§ PROBLEM REQUIREMENTS
Copy each line in the data that includes the word "Alloy".
** Opening RECORDS PROVIDED block **
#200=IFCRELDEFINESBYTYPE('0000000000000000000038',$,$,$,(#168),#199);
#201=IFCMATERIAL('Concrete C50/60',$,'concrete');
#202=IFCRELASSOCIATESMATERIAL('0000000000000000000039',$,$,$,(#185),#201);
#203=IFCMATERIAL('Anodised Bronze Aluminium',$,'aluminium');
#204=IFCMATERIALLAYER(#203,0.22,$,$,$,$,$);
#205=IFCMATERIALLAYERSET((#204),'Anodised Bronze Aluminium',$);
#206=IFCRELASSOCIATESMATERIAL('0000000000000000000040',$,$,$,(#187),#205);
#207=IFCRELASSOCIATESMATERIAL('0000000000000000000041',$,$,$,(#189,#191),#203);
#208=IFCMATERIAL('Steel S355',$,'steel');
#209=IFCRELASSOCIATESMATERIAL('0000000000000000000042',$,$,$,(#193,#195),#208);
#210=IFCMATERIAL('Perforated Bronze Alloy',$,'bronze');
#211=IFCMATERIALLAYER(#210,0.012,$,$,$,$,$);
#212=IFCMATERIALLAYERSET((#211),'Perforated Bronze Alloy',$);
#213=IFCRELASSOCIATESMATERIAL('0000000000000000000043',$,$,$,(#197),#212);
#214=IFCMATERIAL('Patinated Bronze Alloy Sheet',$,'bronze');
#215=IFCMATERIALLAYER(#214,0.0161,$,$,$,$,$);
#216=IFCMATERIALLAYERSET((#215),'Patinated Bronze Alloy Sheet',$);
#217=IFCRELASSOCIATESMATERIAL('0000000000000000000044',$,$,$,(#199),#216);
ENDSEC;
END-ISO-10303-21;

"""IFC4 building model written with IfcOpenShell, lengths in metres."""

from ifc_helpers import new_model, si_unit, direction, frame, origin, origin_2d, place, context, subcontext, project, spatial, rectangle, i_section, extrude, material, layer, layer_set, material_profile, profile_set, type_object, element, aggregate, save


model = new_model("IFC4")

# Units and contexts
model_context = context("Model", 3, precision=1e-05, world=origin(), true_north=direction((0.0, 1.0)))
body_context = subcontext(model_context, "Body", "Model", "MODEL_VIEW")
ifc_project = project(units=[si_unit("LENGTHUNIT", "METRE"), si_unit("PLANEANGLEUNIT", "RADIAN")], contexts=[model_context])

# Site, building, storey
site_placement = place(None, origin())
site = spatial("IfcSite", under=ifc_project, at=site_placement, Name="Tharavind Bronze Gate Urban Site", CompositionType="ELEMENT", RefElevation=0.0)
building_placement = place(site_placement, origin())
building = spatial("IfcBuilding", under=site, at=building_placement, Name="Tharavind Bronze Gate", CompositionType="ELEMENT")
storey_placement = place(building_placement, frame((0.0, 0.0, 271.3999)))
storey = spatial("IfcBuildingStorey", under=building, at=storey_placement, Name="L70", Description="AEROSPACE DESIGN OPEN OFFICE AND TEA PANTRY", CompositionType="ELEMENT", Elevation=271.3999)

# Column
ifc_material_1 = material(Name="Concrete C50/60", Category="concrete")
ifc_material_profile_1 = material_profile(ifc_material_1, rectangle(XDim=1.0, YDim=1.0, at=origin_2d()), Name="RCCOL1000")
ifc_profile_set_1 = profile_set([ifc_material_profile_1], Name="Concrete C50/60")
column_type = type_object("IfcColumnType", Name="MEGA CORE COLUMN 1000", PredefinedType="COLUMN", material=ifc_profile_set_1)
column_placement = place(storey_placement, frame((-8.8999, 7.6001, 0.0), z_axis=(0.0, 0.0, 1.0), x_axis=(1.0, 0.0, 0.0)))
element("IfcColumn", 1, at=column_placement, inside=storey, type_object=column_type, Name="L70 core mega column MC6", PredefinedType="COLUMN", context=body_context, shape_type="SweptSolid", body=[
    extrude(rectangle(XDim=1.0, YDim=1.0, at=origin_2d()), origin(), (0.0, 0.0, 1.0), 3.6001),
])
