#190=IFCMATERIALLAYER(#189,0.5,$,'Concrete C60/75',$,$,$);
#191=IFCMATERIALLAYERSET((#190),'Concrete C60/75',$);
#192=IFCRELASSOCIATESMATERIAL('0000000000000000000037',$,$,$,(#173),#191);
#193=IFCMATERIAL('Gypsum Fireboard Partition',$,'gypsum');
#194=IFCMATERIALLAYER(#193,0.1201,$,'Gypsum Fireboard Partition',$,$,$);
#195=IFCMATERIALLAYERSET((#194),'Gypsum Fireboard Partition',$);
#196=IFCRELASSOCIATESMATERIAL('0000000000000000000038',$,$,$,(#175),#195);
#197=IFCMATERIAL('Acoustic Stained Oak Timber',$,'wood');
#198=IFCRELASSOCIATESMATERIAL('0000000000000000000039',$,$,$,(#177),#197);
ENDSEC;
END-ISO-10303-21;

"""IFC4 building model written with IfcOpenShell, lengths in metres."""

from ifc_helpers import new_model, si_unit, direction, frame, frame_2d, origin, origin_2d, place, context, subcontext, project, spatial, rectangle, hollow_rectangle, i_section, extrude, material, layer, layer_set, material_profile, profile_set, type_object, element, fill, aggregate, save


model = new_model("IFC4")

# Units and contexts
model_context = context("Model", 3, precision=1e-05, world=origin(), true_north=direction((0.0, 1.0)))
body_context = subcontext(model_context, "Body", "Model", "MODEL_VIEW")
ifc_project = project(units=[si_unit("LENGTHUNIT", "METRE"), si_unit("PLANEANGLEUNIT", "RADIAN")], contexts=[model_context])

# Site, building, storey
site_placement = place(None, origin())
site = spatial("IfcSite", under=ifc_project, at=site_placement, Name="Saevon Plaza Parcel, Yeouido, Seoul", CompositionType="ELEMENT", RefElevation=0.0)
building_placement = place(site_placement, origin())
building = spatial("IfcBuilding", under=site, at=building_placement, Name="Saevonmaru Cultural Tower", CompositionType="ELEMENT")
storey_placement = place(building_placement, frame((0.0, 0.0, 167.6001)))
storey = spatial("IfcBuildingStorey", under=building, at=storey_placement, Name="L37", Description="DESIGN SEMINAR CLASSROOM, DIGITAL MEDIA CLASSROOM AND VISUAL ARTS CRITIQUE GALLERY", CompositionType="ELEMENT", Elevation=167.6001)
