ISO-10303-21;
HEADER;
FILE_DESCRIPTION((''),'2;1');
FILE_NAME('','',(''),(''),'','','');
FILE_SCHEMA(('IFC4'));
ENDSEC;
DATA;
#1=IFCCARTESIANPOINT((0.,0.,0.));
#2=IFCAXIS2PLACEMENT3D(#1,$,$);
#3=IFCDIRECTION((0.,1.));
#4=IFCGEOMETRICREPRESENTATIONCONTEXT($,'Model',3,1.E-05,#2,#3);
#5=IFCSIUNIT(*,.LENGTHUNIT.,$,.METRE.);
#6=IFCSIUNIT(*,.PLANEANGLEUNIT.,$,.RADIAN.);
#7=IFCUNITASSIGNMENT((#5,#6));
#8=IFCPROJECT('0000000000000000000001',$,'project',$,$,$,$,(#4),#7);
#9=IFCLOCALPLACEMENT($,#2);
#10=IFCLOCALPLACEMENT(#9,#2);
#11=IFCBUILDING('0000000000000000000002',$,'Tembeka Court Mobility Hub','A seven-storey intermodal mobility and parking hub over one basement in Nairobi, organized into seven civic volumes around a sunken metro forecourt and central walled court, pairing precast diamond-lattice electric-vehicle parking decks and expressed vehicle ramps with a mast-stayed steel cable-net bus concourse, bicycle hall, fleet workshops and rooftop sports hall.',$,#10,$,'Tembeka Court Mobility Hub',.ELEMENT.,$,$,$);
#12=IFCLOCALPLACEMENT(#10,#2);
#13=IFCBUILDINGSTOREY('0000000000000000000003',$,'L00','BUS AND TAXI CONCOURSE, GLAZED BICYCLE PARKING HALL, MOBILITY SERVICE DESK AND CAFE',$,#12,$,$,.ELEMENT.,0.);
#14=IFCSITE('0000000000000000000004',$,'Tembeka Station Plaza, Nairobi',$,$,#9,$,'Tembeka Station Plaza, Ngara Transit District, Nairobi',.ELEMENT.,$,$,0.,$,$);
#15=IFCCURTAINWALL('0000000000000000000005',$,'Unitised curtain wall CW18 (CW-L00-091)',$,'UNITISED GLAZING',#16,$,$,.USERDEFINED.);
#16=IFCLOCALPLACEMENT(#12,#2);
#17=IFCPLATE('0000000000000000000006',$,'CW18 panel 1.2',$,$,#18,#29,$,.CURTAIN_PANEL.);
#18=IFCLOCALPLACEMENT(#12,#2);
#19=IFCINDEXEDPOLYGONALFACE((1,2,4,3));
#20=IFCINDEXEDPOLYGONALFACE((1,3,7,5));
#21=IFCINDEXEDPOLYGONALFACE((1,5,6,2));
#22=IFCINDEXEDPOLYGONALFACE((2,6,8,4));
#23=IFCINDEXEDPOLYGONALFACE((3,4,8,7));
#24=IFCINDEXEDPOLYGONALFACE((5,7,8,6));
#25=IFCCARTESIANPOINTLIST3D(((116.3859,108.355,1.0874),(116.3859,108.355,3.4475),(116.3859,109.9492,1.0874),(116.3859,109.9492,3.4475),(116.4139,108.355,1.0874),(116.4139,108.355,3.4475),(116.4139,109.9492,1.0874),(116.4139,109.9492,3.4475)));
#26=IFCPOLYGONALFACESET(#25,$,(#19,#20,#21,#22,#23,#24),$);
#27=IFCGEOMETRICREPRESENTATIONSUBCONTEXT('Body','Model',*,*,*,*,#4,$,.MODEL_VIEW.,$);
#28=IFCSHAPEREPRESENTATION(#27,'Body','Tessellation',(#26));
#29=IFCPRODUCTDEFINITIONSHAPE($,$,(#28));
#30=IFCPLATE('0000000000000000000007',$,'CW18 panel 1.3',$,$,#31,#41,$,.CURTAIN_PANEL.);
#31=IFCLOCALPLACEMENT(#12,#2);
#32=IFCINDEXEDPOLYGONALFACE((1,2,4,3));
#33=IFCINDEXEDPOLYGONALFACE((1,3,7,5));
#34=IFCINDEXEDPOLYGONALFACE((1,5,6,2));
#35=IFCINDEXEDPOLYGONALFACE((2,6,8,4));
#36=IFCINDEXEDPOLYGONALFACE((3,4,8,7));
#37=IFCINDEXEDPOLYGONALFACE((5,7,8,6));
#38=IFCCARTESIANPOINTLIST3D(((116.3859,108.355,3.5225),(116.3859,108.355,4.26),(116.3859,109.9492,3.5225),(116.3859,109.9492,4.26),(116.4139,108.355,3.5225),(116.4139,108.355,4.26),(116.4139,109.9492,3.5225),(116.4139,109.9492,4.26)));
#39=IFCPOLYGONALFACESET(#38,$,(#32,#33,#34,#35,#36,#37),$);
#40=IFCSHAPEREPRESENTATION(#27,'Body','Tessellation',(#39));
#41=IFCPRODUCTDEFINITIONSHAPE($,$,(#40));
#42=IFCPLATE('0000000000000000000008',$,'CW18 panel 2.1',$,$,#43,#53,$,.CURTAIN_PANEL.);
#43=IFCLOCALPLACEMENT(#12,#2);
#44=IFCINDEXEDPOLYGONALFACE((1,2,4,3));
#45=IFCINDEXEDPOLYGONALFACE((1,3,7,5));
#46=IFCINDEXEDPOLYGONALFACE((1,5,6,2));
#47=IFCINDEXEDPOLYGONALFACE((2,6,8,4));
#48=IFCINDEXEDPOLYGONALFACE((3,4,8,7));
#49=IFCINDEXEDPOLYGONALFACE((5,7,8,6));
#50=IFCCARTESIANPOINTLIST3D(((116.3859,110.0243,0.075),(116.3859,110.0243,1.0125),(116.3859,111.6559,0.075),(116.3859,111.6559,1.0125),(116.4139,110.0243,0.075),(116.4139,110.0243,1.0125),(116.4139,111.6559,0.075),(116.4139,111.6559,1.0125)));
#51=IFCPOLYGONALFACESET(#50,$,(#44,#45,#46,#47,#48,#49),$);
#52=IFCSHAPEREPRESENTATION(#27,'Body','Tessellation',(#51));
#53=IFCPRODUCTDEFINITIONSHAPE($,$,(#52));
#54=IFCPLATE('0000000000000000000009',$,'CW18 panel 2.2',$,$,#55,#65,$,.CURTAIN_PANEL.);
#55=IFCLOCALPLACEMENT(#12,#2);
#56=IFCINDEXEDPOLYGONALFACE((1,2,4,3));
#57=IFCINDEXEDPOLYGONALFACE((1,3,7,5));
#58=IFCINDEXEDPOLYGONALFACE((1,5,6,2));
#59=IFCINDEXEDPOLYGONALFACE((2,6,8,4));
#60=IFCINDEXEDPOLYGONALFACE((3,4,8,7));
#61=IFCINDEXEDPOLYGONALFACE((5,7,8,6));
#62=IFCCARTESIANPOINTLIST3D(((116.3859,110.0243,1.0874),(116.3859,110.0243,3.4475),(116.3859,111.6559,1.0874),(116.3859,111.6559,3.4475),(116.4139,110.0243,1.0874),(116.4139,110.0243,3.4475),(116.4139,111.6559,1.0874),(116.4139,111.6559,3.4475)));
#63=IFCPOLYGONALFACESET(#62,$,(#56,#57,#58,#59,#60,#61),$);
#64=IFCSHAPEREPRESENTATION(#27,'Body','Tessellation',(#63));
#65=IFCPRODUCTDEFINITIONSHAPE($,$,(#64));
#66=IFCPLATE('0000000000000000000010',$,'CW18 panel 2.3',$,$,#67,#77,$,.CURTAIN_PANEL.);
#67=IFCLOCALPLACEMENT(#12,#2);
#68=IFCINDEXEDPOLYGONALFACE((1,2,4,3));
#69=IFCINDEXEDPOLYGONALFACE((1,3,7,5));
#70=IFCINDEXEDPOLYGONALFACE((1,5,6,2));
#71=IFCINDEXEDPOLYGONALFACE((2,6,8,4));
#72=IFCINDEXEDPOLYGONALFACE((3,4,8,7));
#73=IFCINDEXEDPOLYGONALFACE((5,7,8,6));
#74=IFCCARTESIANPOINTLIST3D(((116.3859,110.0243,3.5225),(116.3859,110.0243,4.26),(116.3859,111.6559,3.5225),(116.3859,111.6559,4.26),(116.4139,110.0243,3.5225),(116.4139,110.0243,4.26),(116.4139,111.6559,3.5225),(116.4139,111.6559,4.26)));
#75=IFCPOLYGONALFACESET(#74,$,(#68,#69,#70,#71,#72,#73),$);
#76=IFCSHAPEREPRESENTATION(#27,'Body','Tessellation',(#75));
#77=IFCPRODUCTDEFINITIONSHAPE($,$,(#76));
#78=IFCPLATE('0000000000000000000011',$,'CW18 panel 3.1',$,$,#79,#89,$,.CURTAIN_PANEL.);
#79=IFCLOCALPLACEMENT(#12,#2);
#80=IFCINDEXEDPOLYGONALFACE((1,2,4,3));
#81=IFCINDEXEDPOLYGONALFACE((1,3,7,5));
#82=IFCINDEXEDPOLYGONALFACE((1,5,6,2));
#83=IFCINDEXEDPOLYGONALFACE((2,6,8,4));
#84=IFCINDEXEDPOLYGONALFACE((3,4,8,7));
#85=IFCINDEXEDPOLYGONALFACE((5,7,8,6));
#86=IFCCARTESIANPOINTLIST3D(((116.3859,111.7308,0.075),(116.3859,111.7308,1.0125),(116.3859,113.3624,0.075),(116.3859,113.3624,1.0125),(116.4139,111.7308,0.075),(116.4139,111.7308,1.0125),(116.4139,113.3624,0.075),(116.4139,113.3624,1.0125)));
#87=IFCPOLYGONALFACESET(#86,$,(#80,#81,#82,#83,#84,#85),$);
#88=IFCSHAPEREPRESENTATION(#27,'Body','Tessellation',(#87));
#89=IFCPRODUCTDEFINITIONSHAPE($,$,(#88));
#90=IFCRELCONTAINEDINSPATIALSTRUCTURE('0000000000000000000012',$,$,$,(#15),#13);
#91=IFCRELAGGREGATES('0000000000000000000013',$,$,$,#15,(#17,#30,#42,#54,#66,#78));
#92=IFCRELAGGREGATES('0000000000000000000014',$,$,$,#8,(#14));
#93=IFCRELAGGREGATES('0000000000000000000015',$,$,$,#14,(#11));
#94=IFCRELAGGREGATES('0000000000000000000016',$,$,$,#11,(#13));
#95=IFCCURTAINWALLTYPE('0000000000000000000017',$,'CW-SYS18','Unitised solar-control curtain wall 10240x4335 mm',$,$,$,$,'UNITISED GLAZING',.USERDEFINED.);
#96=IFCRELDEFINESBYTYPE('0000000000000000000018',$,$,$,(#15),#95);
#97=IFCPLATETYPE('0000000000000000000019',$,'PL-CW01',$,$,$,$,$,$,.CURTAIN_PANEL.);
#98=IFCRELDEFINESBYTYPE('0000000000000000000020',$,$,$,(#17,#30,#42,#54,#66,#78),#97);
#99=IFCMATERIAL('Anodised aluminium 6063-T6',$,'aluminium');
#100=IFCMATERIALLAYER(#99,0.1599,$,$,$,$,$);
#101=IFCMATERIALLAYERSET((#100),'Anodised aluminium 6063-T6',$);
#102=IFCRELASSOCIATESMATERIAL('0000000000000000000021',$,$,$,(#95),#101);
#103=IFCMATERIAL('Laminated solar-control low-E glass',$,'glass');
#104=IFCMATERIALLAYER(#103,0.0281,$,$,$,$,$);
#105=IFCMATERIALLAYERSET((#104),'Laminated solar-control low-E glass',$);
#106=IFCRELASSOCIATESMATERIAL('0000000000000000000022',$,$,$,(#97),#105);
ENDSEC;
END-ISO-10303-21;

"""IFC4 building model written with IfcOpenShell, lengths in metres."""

from ifc_helpers import new_model, si_unit, direction, frame, origin, origin_2d, place, context, subcontext, project, spatial, rectangle, extrude, material, layer, layer_set, type_object, element, aggregate, save


model = new_model("IFC4")

# Units and contexts
model_context = context("Model", 3, precision=1e-05, world=origin(), true_north=direction((0.0, 1.0)))
body_context = subcontext(model_context, "Body", "Model", "MODEL_VIEW")
ifc_project = project(units=[si_unit("LENGTHUNIT", "METRE"), si_unit("PLANEANGLEUNIT", "RADIAN")], contexts=[model_context])

# Site, building, storey
site_placement = place(None, origin())
site = spatial("IfcSite", under=ifc_project, at=site_placement, Name="Tembeka Station Plaza, Nairobi", LongName="Tembeka Station Plaza, Ngara Transit District, Nairobi", CompositionType="ELEMENT", RefElevation=0.0)
building_placement = place(site_placement, origin())
building = spatial("IfcBuilding", under=site, at=building_placement, Name="Tembeka Court Mobility Hub", Description="A seven-storey intermodal mobility and parking hub over one basement in Nairobi, organized into seven civic volumes around a sunken metro forecourt and central walled court, pairing precast diamond-lattice electric-vehicle parking decks and expressed vehicle ramps with a mast-stayed steel cable-net bus concourse, bicycle hall, fleet workshops and rooftop sports hall.", LongName="Tembeka Court Mobility Hub", CompositionType="ELEMENT")
storey_placement = place(building_placement, origin())
storey = spatial("IfcBuildingStorey", under=building, at=storey_placement, Name="L00", Description="BUS AND TAXI CONCOURSE, GLAZED BICYCLE PARKING HALL, MOBILITY SERVICE DESK AND CAFE", CompositionType="ELEMENT", Elevation=0.0)

# Shared definitions
ifc_material_1 = material(Name="Anodised aluminium 6063-T6", Category="aluminium")
ifc_layer_1 = layer(ifc_material_1, 0.1599)
ifc_layer_set_1 = layer_set([ifc_layer_1], Name="Anodised aluminium 6063-T6")
curtain_wall_type = type_object("IfcCurtainWallType", Name="CW-SYS18", Description="Unitised solar-control curtain wall 10240x4335 mm", ElementType="UNITISED GLAZING", PredefinedType="USERDEFINED", material=ifc_layer_set_1)

# Curtain wall
curtain_wall_1_placement = place(storey_placement, origin())
curtain_wall_1 = element("IfcCurtainWall", 1, at=curtain_wall_1_placement, inside=storey, type_object=curtain_wall_type, Name="Unitised curtain wall CW18 (CW-L00-091)", ObjectType="UNITISED GLAZING", PredefinedType="USERDEFINED")

# Plates
ifc_material_2 = material(Name="Laminated solar-control low-E glass", Category="glass")
ifc_layer_2 = layer(ifc_material_2, 0.0281)
ifc_layer_set_2 = layer_set([ifc_layer_2], Name="Laminated solar-control low-E glass")
plate_type = type_object("IfcPlateType", Name="PL-CW01", PredefinedType="CURTAIN_PANEL", material=ifc_layer_set_2)
plate_1_placement = place(storey_placement, frame((116.3999, 109.1521, 1.0874), z_axis=(0.0, 0.0, 1.0), x_axis=(0.0, 1.0, 0.0)))
plate_1 = element("IfcPlate", 2, at=plate_1_placement, type_object=plate_type, Name="CW18 panel 1.2", PredefinedType="CURTAIN_PANEL", context=body_context, shape_type="SweptSolid", body=[
    extrude(rectangle(XDim=1.5942, YDim=0.0281, at=origin_2d()), origin(), (0.0, 0.0, 1.0), 2.3601),
])
plate_2_placement = place(storey_placement, frame((116.3999, 109.1521, 3.5225), z_axis=(0.0, 0.0, 1.0), x_axis=(0.0, 1.0, 0.0)))
plate_2 = element("IfcPlate", 3, at=plate_2_placement, type_object=plate_type, Name="CW18 panel 1.3", PredefinedType="CURTAIN_PANEL", context=body_context, shape_type="SweptSolid", body=[
    extrude(rectangle(XDim=1.5942, YDim=0.0281, at=origin_2d()), origin(), (0.0, 0.0, 1.0), 0.7375),
])
plate_3_placement = place(storey_placement, frame((116.3999, 110.8401, 0.075), z_axis=(0.0, 0.0, 1.0), x_axis=(0.0, 1.0, 0.0)))
plate_3 = element("IfcPlate", 4, at=plate_3_placement, type_object=plate_type, Name="CW18 panel 2.1", PredefinedType="CURTAIN_PANEL", context=body_context, shape_type="SweptSolid", body=[
    extrude(rectangle(XDim=1.6316, YDim=0.0281, at=origin_2d()), origin(), (0.0, 0.0, 1.0), 0.9375),
])
plate_4_placement = place(storey_placement, frame((116.3999, 110.8401, 1.0874), z_axis=(0.0, 0.0, 1.0), x_axis=(0.0, 1.0, 0.0)))
plate_4 = element("IfcPlate", 5, at=plate_4_placement, type_object=plate_type, Name="CW18 panel 2.2", PredefinedType="CURTAIN_PANEL", context=body_context, shape_type="SweptSolid", body=[
    extrude(rectangle(XDim=1.6316, YDim=0.0281, at=origin_2d()), origin(), (0.0, 0.0, 1.0), 2.3601),
])
plate_5_placement = place(storey_placement, frame((116.3999, 110.8401, 3.5225), z_axis=(0.0, 0.0, 1.0), x_axis=(0.0, 1.0, 0.0)))
plate_5 = element("IfcPlate", 6, at=plate_5_placement, type_object=plate_type, Name="CW18 panel 2.3", PredefinedType="CURTAIN_PANEL", context=body_context, shape_type="SweptSolid", body=[
    extrude(rectangle(XDim=1.6316, YDim=0.0281, at=origin_2d()), origin(), (0.0, 0.0, 1.0), 0.7375),
])
plate_6_placement = place(storey_placement, frame((116.3999, 112.5466, 0.075), z_axis=(0.0, 0.0, 1.0), x_axis=(0.0, 1.0, 0.0)))
plate_6 = element("IfcPlate", 7, at=plate_6_placement, type_object=plate_type, Name="CW18 panel 3.1", PredefinedType="CURTAIN_PANEL", context=body_context, shape_type="SweptSolid", body=[
    extrude(rectangle(XDim=1.6316, YDim=0.0281, at=origin_2d()), origin(), (0.0, 0.0, 1.0), 0.9375),
])
aggregate(curtain_wall_1, [plate_1, plate_2, plate_3, plate_4, plate_5, plate_6])

save(model, "model.ifc")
** Closing RECORDS PROVIDED block **
§ THE ANSWER
#210=IFCMATERIAL('Perforated Bronze Alloy',$,'bronze');
#212=IFCMATERIALLAYERSET((#211),'Perforated Bronze Alloy',$);
#214=IFCMATERIAL('Patinated Bronze Alloy Sheet',$,'bronze');
#216=IFCMATERIALLAYERSET((#215),'Patinated Bronze Alloy Sheet',$);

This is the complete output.